WHAT TO WORK ON: For the material below, return exactly the lines starting at the line containing "#145=IFCPRODUCTDEFINITIONSHAPE($,$,(#144));" and ending at the line containing "#170=IFCINDEXEDPOLYGONALFACE((37,39,40,38));", both ends included, and no others.

DATA EXTRACTS:
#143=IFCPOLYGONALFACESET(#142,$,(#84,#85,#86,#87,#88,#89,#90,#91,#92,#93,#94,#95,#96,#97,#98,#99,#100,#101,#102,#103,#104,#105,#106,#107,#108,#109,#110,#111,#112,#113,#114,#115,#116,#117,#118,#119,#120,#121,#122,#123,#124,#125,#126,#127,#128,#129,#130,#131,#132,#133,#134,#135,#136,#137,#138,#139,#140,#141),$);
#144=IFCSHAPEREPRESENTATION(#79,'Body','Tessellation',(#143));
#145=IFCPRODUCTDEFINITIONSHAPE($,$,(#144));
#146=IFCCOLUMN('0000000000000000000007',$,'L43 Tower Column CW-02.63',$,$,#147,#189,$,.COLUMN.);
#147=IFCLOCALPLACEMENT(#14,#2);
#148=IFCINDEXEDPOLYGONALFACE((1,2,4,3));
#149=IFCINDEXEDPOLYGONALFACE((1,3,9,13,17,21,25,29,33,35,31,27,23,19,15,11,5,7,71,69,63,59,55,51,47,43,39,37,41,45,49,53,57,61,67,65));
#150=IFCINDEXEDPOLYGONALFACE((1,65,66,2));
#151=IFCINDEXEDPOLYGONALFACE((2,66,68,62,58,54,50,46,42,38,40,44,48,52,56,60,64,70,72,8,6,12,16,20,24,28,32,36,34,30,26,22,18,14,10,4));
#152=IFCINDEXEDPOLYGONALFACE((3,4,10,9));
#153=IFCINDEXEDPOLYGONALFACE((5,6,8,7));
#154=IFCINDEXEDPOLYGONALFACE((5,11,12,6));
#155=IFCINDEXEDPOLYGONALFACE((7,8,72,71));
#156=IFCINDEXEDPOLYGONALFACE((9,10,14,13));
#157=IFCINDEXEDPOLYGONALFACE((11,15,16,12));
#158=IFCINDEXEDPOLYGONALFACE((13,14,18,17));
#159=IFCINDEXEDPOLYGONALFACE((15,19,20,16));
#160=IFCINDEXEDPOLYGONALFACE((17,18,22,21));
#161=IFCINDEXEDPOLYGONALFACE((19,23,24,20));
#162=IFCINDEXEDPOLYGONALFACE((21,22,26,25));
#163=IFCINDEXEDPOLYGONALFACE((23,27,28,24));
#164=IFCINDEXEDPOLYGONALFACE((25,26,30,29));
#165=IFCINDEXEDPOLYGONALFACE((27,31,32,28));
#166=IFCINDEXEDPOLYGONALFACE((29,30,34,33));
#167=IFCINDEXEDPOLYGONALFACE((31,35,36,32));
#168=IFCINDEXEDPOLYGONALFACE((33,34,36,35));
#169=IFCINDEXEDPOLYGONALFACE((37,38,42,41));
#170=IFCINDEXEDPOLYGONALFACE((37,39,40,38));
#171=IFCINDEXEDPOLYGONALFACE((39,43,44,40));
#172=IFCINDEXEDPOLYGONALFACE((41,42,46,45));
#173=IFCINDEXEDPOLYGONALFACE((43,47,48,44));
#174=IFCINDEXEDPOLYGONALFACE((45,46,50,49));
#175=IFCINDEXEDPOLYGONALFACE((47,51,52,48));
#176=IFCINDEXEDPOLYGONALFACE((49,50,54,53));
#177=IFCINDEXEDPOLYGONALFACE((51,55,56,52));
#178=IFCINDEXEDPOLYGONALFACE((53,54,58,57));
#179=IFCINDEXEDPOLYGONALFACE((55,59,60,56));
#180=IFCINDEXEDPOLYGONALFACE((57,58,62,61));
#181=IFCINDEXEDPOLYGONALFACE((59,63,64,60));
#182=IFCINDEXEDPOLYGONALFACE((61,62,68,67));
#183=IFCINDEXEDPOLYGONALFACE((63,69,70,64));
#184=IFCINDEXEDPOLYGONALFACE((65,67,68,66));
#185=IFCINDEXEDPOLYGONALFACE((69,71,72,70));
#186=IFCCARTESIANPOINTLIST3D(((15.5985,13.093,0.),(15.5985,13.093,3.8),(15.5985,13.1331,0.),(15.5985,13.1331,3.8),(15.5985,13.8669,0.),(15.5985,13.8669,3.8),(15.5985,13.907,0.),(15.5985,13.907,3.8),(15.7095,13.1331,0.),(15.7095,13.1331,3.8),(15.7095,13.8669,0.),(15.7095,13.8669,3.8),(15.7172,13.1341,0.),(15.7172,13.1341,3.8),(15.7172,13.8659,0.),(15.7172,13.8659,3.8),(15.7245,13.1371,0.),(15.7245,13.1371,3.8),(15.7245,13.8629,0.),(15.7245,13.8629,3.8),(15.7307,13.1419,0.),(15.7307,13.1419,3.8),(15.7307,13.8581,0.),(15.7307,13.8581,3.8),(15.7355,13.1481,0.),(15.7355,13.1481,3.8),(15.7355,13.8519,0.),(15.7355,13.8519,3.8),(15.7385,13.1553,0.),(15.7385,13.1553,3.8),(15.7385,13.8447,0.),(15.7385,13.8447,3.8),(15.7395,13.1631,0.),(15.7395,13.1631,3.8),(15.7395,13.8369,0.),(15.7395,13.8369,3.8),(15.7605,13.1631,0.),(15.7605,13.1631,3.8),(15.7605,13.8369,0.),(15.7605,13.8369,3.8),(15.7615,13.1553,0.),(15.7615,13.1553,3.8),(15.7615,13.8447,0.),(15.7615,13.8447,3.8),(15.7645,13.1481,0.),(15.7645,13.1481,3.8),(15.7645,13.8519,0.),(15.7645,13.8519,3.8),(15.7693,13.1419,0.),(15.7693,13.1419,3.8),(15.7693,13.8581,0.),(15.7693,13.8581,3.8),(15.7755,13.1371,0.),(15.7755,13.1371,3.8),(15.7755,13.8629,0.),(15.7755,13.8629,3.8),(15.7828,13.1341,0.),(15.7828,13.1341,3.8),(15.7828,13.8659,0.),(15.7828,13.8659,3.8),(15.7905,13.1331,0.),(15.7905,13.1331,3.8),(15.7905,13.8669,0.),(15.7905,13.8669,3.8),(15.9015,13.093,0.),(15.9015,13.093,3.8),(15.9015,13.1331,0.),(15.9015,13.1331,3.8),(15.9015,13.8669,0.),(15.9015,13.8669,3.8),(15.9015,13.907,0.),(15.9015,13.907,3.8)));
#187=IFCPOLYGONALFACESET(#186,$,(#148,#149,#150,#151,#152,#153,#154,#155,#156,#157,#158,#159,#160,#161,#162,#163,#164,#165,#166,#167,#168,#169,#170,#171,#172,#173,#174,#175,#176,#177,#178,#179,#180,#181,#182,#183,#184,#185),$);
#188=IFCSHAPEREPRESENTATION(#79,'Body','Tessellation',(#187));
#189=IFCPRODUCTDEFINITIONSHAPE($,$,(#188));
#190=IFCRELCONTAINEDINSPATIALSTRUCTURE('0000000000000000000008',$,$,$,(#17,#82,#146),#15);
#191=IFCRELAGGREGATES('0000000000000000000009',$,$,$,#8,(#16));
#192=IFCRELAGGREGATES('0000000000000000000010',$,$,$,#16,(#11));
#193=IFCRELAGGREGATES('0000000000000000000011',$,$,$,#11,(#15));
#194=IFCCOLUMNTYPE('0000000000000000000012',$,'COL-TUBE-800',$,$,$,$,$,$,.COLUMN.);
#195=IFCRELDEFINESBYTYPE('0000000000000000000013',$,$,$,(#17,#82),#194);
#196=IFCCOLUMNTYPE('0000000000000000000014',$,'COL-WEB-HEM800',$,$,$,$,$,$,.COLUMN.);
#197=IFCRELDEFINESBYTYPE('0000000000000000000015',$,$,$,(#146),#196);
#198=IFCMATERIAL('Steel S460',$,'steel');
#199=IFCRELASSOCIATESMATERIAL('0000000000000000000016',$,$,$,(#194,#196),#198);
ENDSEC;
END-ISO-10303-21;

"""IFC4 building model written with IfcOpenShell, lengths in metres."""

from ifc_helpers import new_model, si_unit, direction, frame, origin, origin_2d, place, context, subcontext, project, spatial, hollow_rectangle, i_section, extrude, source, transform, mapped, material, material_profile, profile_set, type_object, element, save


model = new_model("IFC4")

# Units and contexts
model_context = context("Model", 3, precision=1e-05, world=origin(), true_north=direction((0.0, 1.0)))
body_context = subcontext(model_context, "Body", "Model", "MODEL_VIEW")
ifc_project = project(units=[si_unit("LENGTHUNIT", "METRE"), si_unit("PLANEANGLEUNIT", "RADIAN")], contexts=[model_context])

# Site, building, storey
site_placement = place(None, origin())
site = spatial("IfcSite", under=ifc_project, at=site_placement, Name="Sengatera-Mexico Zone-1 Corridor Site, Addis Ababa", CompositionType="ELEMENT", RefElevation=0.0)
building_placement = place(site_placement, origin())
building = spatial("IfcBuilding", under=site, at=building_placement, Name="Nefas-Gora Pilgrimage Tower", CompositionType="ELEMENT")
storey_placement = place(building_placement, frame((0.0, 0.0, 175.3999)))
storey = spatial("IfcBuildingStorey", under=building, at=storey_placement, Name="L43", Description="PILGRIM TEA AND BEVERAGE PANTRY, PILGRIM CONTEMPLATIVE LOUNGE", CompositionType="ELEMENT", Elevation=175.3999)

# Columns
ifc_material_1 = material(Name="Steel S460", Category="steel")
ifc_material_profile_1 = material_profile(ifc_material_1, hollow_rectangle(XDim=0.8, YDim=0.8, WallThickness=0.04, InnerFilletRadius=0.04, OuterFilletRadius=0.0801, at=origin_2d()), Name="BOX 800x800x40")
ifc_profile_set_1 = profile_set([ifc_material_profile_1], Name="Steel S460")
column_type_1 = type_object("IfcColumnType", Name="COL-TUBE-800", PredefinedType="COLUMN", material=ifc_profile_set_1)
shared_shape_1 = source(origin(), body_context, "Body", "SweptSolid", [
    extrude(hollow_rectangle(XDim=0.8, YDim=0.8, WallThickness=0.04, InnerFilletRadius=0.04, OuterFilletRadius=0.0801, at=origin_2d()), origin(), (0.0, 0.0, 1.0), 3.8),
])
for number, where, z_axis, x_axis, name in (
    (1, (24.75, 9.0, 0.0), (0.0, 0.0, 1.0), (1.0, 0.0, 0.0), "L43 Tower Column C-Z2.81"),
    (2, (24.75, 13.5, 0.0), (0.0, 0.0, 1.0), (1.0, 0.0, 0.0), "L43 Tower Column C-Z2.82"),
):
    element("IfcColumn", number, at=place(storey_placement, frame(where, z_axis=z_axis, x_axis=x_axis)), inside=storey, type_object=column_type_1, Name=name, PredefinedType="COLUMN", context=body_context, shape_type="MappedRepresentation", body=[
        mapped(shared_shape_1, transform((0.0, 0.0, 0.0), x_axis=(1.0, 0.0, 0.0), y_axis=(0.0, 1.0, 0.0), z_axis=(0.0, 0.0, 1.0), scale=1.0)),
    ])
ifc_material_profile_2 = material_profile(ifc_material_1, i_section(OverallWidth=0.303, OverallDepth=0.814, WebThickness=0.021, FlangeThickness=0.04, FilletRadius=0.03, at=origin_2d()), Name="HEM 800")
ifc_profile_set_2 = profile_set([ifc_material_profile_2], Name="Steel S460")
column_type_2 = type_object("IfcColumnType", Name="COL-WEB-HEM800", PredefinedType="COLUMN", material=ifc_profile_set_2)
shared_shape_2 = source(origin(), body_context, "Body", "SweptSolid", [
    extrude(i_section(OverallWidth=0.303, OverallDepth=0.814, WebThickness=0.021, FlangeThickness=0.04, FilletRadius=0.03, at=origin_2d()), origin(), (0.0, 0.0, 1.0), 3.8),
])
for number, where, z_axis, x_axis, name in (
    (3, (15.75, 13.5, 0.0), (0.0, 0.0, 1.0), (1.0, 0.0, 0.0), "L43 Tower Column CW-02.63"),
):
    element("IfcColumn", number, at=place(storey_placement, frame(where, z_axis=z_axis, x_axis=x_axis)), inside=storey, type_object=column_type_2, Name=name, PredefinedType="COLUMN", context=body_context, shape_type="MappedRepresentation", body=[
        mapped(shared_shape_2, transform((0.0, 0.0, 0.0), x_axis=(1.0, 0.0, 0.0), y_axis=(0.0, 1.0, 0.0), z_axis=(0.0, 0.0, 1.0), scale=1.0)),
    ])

TASK RESULT:
#145=IFCPRODUCTDEFINITIONSHAPE($,$,(#144));
#146=IFCCOLUMN('0000000000000000000007',$,'L43 Tower Column CW-02.63',$,$,#147,#189,$,.COLUMN.);
#147=IFCLOCALPLACEMENT(#14,#2);
#148=IFCINDEXEDPOLYGONALFACE((1,2,4,3));
#149=IFCINDEXEDPOLYGONALFACE((1,3,9,13,17,21,25,29,33,35,31,27,23,19,15,11,5,7,71,69,63,59,55,51,47,43,39,37,41,45,49,53,57,61,67,65));
#150=IFCINDEXEDPOLYGONALFACE((1,65,66,2));
#151=IFCINDEXEDPOLYGONALFACE((2,66,68,62,58,54,50,46,42,38,40,44,48,52,56,60,64,70,72,8,6,12,16,20,24,28,32,36,34,30,26,22,18,14,10,4));
#152=IFCINDEXEDPOLYGONALFACE((3,4,10,9));
#153=IFCINDEXEDPOLYGONALFACE((5,6,8,7));
#154=IFCINDEXEDPOLYGONALFACE((5,11,12,6));
#155=IFCINDEXEDPOLYGONALFACE((7,8,72,71));
#156=IFCINDEXEDPOLYGONALFACE((9,10,14,13));
#157=IFCINDEXEDPOLYGONALFACE((11,15,16,12));
#158=IFCINDEXEDPOLYGONALFACE((13,14,18,17));
#159=IFCINDEXEDPOLYGONALFACE((15,19,20,16));
#160=IFCINDEXEDPOLYGONALFACE((17,18,22,21));
#161=IFCINDEXEDPOLYGONALFACE((19,23,24,20));
#162=IFCINDEXEDPOLYGONALFACE((21,22,26,25));
#163=IFCINDEXEDPOLYGONALFACE((23,27,28,24));
#164=IFCINDEXEDPOLYGONALFACE((25,26,30,29));
#165=IFCINDEXEDPOLYGONALFACE((27,31,32,28));
#166=IFCINDEXEDPOLYGONALFACE((29,30,34,33));
#167=IFCINDEXEDPOLYGONALFACE((31,35,36,32));
#168=IFCINDEXEDPOLYGONALFACE((33,34,36,35));
#169=IFCINDEXEDPOLYGONALFACE((37,38,42,41));
#170=IFCINDEXEDPOLYGONALFACE((37,39,40,38));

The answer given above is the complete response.